[WHAT IS EXPECTED]
Scan the records below for the line containing "#25=IFCINDEXEDPOLYGONALFACE((5,7,15,13));" and the line containing "#33=IFCPRODUCTDEFINITIONSHAPE($,$,(#32));". Copy both, plus every line between, exactly.

[DATA TO USE]
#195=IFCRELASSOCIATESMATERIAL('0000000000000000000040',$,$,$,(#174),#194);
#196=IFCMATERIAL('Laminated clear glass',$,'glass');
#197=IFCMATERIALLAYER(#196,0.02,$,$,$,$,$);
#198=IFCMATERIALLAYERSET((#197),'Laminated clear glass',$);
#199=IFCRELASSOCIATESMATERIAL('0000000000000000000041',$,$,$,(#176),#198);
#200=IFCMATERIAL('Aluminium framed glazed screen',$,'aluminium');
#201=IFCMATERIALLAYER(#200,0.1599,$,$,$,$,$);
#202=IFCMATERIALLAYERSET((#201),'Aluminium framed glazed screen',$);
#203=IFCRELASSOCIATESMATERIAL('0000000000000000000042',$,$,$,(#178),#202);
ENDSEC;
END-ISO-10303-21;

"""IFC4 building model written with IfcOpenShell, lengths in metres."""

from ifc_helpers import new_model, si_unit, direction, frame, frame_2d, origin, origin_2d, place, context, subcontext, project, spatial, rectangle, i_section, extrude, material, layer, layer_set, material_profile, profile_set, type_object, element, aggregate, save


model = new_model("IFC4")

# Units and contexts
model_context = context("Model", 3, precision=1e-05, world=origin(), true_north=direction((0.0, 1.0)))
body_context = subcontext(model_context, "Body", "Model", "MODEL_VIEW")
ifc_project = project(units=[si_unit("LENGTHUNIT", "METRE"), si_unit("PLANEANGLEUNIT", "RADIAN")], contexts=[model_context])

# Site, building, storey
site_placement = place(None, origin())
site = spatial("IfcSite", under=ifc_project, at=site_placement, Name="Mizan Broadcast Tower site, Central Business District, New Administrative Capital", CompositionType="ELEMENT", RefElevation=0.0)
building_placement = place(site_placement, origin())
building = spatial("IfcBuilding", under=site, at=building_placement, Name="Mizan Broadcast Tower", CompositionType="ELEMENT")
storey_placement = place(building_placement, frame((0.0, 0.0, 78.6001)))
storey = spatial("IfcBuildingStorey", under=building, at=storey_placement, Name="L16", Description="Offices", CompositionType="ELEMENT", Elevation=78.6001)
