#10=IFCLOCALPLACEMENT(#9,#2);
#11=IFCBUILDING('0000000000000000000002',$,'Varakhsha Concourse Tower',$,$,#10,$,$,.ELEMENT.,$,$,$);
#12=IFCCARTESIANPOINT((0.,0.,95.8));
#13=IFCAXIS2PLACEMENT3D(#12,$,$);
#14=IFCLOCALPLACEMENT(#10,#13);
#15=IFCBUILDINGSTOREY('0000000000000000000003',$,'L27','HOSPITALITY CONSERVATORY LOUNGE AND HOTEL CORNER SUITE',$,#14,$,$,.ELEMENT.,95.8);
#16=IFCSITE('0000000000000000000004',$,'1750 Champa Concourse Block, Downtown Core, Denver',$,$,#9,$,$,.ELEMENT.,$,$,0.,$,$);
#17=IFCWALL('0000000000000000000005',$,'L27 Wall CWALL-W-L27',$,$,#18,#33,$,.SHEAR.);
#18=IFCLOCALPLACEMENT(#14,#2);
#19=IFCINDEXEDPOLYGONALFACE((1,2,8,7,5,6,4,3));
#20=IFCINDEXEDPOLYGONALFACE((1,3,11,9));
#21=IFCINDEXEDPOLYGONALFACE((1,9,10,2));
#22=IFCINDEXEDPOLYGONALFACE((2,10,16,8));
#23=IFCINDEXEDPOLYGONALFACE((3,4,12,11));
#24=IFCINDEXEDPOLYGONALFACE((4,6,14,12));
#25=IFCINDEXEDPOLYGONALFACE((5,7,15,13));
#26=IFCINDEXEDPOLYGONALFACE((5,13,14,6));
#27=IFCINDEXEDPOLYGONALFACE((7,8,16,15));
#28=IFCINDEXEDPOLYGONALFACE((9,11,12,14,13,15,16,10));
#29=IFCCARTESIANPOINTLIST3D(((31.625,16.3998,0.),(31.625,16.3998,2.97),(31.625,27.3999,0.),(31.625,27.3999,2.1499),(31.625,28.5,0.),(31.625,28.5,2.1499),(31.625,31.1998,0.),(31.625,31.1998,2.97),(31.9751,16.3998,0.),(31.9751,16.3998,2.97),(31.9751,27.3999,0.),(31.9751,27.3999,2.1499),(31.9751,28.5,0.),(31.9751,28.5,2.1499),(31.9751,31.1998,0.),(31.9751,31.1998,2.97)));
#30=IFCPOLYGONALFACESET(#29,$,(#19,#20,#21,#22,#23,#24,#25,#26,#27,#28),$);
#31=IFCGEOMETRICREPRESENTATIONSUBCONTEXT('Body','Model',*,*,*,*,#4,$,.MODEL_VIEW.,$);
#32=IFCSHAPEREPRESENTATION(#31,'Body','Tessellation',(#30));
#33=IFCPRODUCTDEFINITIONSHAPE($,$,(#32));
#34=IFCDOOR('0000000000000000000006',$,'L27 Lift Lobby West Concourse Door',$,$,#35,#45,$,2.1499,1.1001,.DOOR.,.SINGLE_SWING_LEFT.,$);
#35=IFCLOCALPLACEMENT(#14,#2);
...
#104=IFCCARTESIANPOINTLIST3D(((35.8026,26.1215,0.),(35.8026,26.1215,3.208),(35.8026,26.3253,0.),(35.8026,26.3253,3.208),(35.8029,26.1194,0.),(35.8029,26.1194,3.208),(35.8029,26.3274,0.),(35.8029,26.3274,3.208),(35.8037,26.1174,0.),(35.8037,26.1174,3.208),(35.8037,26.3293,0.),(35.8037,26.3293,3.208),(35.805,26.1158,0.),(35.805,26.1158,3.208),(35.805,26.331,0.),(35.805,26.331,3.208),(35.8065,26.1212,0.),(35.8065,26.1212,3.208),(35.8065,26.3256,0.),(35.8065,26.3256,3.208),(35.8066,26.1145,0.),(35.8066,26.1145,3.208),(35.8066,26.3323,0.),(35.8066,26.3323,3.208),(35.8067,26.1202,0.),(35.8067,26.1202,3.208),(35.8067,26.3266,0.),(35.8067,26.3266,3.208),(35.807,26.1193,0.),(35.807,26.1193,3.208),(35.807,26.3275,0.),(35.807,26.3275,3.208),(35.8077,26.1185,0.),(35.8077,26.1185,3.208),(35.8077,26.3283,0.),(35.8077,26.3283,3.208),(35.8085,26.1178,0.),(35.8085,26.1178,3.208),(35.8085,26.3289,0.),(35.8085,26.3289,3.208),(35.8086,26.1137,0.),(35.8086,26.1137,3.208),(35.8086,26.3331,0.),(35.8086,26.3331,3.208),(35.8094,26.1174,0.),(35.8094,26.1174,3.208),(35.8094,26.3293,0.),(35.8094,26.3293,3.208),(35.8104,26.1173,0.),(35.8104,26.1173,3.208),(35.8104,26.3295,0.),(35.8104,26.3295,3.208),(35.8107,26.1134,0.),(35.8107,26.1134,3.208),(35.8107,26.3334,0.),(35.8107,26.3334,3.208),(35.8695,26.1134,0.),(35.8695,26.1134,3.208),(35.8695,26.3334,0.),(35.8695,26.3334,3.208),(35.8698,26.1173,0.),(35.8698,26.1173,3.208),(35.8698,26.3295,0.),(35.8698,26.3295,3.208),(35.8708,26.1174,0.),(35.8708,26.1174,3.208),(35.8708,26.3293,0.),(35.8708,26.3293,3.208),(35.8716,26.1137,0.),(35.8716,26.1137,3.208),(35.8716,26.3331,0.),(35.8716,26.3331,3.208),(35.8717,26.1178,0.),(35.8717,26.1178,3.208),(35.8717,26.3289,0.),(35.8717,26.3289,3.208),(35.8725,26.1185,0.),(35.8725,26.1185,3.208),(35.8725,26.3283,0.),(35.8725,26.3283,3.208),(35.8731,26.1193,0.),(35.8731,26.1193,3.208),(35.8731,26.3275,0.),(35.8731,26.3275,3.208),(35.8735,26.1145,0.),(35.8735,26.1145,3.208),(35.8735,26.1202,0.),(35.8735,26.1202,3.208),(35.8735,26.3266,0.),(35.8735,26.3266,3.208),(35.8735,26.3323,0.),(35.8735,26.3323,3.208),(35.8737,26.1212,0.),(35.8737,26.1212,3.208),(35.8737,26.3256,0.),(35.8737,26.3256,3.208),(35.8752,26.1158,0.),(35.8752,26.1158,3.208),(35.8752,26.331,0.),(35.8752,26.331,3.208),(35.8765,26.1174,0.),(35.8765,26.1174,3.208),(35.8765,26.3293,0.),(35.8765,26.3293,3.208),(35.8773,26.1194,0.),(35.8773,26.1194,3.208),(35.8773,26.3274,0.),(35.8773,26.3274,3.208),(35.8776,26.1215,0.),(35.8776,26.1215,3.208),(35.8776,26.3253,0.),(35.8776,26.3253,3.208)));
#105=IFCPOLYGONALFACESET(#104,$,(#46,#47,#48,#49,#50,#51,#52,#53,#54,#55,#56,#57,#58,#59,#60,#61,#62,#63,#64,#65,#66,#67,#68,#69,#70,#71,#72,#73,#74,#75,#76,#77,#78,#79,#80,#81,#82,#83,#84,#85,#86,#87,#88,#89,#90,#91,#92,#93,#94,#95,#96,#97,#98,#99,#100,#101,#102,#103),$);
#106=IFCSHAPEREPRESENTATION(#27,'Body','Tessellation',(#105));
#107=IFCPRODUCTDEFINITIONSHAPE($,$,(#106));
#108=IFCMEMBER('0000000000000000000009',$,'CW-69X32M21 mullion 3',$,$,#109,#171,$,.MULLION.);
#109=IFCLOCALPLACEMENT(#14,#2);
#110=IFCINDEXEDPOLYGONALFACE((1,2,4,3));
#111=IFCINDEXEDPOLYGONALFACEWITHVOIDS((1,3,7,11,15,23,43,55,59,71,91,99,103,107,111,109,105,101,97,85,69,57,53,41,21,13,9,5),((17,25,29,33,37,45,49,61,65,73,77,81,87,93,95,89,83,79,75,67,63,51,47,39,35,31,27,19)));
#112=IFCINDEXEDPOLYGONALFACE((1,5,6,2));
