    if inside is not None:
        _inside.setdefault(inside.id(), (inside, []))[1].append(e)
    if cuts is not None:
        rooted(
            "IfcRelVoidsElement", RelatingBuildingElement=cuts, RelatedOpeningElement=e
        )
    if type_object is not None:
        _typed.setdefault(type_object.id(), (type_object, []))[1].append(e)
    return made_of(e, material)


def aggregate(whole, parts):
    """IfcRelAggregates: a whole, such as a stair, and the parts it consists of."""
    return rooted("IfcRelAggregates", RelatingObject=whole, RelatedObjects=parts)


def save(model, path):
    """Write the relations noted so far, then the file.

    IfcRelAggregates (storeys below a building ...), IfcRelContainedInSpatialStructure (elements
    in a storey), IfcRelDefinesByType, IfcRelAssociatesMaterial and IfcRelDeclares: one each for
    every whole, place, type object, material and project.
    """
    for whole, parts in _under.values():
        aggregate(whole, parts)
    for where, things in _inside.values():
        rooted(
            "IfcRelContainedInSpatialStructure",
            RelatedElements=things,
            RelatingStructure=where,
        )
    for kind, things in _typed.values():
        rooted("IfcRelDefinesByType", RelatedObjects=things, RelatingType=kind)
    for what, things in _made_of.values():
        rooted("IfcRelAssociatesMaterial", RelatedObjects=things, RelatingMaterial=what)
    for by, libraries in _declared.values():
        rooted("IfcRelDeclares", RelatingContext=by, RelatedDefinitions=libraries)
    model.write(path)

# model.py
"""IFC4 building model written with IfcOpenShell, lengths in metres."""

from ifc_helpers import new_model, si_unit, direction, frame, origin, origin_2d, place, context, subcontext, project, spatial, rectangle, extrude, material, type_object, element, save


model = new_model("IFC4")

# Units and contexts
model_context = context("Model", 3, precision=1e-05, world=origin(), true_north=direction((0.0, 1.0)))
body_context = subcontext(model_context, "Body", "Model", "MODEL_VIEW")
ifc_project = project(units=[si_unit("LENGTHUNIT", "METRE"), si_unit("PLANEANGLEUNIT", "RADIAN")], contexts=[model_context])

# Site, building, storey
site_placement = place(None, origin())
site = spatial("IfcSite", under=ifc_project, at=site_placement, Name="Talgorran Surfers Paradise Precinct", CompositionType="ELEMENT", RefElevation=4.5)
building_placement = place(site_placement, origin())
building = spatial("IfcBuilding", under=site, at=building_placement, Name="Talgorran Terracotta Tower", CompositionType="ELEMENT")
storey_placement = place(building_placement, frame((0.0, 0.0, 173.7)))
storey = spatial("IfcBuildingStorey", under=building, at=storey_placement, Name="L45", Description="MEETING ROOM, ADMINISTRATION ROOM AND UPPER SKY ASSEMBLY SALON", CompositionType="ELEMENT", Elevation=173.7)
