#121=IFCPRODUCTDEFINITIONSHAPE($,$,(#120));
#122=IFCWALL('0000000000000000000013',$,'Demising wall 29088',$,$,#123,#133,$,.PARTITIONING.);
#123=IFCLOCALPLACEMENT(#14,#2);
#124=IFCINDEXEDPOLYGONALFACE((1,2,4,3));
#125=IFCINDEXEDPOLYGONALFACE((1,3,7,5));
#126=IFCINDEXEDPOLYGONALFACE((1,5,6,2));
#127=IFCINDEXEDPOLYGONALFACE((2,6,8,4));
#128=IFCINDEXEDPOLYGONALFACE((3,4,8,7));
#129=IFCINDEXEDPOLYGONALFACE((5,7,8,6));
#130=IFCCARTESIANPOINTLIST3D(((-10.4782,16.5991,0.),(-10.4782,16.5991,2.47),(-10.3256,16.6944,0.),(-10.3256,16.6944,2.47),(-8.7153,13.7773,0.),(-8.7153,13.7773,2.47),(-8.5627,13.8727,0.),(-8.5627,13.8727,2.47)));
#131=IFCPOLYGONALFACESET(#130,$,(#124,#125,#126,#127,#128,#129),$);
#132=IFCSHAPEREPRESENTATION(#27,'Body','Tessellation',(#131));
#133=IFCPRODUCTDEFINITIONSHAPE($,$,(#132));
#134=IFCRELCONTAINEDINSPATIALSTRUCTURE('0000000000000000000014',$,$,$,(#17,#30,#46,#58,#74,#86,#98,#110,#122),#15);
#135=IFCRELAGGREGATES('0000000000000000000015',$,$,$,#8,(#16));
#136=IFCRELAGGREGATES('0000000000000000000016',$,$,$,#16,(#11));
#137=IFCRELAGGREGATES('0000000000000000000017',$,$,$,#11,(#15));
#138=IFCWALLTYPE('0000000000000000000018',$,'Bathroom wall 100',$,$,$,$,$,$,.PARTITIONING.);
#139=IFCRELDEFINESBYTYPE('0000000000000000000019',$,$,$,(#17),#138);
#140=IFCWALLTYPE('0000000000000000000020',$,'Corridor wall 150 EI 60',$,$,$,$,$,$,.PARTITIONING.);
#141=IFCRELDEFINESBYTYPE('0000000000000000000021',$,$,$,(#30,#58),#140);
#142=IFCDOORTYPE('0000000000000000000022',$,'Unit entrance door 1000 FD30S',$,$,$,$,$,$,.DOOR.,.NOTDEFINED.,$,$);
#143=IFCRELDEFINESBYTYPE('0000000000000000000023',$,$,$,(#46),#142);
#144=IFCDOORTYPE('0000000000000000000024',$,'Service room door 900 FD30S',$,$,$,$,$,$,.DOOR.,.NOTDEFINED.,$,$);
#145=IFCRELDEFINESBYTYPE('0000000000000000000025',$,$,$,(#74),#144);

[OUTPUT]
#25=IFCINDEXEDPOLYGONALFACE((5,7,15,13));
#26=IFCINDEXEDPOLYGONALFACE((5,13,14,6));
#27=IFCINDEXEDPOLYGONALFACE((7,8,16,15));
#28=IFCINDEXEDPOLYGONALFACE((9,11,12,14,13,15,16,10));
#29=IFCCARTESIANPOINTLIST3D(((31.625,16.3998,0.),(31.625,16.3998,2.97),(31.625,27.3999,0.),(31.625,27.3999,2.1499),(31.625,28.5,0.),(31.625,28.5,2.1499),(31.625,31.1998,0.),(31.625,31.1998,2.97),(31.9751,16.3998,0.),(31.9751,16.3998,2.97),(31.9751,27.3999,0.),(31.9751,27.3999,2.1499),(31.9751,28.5,0.),(31.9751,28.5,2.1499),(31.9751,31.1998,0.),(31.9751,31.1998,2.97)));
#30=IFCPOLYGONALFACESET(#29,$,(#19,#20,#21,#22,#23,#24,#25,#26,#27,#28),$);
#31=IFCGEOMETRICREPRESENTATIONSUBCONTEXT('Body','Model',*,*,*,*,#4,$,.MODEL_VIEW.,$);
#32=IFCSHAPEREPRESENTATION(#31,'Body','Tessellation',(#30));
#33=IFCPRODUCTDEFINITIONSHAPE($,$,(#32));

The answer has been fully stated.